● REQUIRED WORK
Scan the listing that follows and report how many lines contain "IFCLOCALPLACEMENT". Write the number alone.

● DATASET

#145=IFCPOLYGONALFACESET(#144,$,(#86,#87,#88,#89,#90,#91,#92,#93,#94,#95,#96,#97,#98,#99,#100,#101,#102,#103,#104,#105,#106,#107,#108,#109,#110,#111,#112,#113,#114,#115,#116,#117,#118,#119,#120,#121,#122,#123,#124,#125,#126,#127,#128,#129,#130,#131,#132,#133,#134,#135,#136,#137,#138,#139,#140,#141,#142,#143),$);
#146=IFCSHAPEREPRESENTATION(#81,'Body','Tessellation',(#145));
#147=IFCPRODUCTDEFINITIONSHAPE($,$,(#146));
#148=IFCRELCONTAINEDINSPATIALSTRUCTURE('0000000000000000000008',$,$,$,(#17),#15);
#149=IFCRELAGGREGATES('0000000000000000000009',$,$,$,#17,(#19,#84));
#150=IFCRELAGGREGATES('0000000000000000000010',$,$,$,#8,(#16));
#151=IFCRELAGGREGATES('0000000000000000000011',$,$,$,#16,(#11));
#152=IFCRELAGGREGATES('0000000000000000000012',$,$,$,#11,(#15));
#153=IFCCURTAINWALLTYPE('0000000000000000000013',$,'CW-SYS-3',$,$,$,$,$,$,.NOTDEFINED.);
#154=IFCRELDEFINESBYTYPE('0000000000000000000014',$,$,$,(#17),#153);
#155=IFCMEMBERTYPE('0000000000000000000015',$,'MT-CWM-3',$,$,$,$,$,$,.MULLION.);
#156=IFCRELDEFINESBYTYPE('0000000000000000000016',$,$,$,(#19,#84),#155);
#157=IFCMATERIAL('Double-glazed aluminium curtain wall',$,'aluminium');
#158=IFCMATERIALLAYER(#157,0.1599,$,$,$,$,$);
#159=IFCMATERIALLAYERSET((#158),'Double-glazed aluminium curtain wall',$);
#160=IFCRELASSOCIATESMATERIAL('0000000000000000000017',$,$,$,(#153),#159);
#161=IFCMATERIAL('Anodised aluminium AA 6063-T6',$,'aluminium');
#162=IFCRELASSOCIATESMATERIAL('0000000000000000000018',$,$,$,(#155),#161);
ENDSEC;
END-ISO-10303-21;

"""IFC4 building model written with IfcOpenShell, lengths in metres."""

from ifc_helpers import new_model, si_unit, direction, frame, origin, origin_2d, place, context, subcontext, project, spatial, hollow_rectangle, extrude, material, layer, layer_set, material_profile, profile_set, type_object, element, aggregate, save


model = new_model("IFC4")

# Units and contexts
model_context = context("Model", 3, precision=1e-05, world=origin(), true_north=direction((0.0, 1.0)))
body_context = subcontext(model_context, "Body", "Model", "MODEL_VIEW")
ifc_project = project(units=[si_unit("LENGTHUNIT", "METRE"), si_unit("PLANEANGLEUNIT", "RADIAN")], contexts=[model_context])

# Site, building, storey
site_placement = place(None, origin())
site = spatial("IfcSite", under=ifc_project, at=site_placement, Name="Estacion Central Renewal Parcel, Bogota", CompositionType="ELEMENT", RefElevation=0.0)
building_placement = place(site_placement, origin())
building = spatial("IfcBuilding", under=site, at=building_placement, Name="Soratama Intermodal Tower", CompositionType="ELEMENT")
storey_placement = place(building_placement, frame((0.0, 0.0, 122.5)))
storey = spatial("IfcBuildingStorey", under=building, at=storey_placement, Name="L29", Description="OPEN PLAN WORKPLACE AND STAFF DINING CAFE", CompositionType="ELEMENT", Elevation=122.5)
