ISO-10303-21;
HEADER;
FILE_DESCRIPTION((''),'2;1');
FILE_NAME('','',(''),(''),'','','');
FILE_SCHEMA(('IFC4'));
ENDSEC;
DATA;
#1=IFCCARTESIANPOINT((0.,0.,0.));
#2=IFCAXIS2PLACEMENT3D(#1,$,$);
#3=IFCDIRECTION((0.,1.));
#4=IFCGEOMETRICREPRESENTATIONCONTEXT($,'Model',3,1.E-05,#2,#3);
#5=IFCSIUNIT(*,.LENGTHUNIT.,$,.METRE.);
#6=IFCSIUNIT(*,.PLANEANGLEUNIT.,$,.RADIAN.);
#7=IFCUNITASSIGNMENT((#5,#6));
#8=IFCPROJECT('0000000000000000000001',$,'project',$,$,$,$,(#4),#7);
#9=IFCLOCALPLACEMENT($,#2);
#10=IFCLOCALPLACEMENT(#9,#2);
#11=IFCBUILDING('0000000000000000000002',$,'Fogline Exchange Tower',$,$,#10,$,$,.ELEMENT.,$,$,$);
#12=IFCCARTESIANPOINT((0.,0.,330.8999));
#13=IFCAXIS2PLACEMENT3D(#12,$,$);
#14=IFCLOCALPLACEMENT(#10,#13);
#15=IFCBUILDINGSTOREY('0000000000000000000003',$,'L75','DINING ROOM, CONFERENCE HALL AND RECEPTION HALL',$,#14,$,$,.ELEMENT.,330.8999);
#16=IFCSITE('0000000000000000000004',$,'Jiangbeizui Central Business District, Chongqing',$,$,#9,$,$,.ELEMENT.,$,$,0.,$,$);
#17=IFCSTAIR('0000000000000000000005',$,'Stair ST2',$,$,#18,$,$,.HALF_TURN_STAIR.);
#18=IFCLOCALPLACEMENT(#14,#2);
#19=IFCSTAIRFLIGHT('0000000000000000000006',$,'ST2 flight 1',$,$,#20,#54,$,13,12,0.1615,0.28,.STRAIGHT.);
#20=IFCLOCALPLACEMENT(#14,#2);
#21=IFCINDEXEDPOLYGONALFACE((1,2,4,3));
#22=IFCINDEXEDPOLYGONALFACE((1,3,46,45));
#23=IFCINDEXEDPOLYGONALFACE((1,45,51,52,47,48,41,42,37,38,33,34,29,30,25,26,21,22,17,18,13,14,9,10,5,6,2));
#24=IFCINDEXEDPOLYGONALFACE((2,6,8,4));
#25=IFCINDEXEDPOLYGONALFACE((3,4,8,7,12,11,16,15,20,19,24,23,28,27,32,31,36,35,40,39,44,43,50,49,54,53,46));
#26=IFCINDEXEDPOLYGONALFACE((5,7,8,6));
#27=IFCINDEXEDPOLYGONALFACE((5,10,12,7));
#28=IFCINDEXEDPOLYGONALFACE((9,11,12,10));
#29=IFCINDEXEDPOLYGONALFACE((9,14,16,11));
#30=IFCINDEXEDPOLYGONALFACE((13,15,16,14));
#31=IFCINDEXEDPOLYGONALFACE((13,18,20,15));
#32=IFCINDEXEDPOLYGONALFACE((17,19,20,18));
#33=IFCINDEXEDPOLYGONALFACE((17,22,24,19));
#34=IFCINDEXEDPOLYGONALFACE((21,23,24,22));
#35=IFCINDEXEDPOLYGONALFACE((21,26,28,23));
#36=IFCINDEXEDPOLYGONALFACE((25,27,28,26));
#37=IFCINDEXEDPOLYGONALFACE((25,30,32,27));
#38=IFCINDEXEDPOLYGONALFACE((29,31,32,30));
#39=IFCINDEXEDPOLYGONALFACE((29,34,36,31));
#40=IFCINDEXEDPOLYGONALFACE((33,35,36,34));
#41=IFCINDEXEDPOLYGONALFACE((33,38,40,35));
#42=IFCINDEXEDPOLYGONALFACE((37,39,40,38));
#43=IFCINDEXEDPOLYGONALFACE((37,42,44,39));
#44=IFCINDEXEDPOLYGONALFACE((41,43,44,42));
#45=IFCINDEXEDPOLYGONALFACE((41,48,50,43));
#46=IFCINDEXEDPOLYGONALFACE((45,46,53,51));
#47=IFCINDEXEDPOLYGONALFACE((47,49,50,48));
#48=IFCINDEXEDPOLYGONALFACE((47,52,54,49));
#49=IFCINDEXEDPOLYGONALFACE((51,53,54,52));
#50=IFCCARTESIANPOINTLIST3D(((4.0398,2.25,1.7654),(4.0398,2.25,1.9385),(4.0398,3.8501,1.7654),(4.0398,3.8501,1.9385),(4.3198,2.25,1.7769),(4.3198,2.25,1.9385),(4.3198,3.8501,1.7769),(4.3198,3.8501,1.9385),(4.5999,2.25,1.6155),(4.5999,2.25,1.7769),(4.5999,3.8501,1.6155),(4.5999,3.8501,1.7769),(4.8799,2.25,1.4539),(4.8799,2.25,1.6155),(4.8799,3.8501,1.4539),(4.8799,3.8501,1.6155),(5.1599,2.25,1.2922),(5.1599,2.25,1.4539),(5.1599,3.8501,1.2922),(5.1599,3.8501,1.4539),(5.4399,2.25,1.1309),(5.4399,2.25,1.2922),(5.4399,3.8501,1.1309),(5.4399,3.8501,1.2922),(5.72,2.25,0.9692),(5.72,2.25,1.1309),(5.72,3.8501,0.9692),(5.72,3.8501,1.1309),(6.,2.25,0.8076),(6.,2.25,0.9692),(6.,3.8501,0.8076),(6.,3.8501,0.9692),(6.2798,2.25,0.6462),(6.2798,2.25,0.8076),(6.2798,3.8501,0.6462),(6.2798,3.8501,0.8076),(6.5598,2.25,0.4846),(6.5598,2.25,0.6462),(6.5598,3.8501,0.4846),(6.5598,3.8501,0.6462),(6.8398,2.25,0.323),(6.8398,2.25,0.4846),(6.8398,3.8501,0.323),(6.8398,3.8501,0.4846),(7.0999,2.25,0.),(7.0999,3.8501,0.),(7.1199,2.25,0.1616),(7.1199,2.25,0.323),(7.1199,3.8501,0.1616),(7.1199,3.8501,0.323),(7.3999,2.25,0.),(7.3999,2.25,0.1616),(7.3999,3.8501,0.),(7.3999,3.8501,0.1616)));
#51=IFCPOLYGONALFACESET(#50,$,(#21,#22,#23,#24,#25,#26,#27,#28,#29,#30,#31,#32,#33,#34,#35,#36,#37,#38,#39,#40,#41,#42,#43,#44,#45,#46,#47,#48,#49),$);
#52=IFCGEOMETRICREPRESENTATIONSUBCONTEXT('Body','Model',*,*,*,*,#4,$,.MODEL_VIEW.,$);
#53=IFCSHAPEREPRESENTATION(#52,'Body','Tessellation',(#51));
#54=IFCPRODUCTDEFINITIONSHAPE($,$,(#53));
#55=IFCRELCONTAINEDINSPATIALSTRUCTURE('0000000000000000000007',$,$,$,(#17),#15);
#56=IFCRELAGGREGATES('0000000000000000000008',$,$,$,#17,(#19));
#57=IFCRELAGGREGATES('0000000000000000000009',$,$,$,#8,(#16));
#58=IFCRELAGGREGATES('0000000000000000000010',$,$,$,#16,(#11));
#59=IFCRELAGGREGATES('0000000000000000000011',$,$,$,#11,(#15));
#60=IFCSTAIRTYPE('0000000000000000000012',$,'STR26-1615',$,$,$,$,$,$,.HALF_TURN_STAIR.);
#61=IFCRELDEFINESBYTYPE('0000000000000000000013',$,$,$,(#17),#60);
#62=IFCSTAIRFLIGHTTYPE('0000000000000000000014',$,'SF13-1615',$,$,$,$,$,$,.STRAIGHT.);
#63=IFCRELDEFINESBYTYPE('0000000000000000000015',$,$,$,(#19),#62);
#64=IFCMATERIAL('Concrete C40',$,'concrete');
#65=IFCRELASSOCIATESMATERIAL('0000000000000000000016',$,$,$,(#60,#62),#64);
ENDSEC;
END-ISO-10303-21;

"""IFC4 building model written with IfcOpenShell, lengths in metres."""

from ifc_helpers import new_model, si_unit, direction, frame, origin, place, context, subcontext, project, spatial, polyline, outline, extrude, material, type_object, element, aggregate, save


model = new_model("IFC4")

# Units and contexts
model_context = context("Model", 3, precision=1e-05, world=origin(), true_north=direction((0.0, 1.0)))
body_context = subcontext(model_context, "Body", "Model", "MODEL_VIEW")
ifc_project = project(units=[si_unit("LENGTHUNIT", "METRE"), si_unit("PLANEANGLEUNIT", "RADIAN")], contexts=[model_context])

# Site, building, storey
site_placement = place(None, origin())
site = spatial("IfcSite", under=ifc_project, at=site_placement, Name="Jiangbeizui Central Business District, Chongqing", CompositionType="ELEMENT", RefElevation=0.0)
building_placement = place(site_placement, origin())
building = spatial("IfcBuilding", under=site, at=building_placement, Name="Fogline Exchange Tower", CompositionType="ELEMENT")
storey_placement = place(building_placement, frame((0.0, 0.0, 330.8999)))
storey = spatial("IfcBuildingStorey", under=building, at=storey_placement, Name="L75", Description="DINING ROOM, CONFERENCE HALL AND RECEPTION HALL", CompositionType="ELEMENT", Elevation=330.8999)

# Shared definitions
ifc_material_1 = material(Name="Concrete C40", Category="concrete")

# Stair, stair flight
stair_type = type_object("IfcStairType", Name="STR26-1615", PredefinedType="HALF_TURN_STAIR", material=ifc_material_1)
stair_placement = place(storey_placement, origin())
stair = element("IfcStair", 1, at=stair_placement, inside=storey, type_object=stair_type, Name="Stair ST2", PredefinedType="HALF_TURN_STAIR")
stair_flight_type = type_object("IfcStairFlightType", Name="SF13-1615", PredefinedType="STRAIGHT", material=ifc_material_1)
stair_flight_placement = place(storey_placement, frame((7.3999, 3.05, 0.0), z_axis=(0.0, 0.0, 1.0), x_axis=(-1.0, 0.0, 0.0)))
stair_flight = element("IfcStairFlight", 2, at=stair_flight_placement, type_object=stair_flight_type, Name="ST2 flight 1", NumberOfRisers=13, NumberOfTreads=12, PredefinedType="STRAIGHT", RiserHeight=0.1615, TreadLength=0.28, context=body_context, shape_type="SweptSolid", body=[
    extrude(outline(polyline([(0.0, 0.0), (0.0, 0.1616), (0.28, 0.1616), (0.28, 0.323), (0.5601, 0.323), (0.5601, 0.4846), (0.8401, 0.4846), (0.8401, 0.6462), (1.1201, 0.6462), (1.1201, 0.8076), (1.3999, 0.8076), (1.3999, 0.9692), (1.6799, 0.9692), (1.6799, 1.1309), (1.96, 1.1309), (1.96, 1.2922), (2.24, 1.2922), (2.24, 1.4539), (2.52, 1.4539), (2.52, 1.6155), (2.8, 1.6155), (2.8, 1.7769), (3.0801, 1.7769), (3.0801, 1.9385), (3.3601, 1.9385), (3.3601, 2.1001), (3.3601, 1.7654), (0.3, 0.0), (0.0, 0.0)])), frame((0.0, 0.8, 0.0), z_axis=(0.0, -1.0, 0.0), x_axis=(1.0, 0.0, 0.0)), (0.0, 0.0, 1.0), 1.6001),
])
aggregate(stair, [stair_flight])

save(model, "model.ifc")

● TASK OUTPUT
5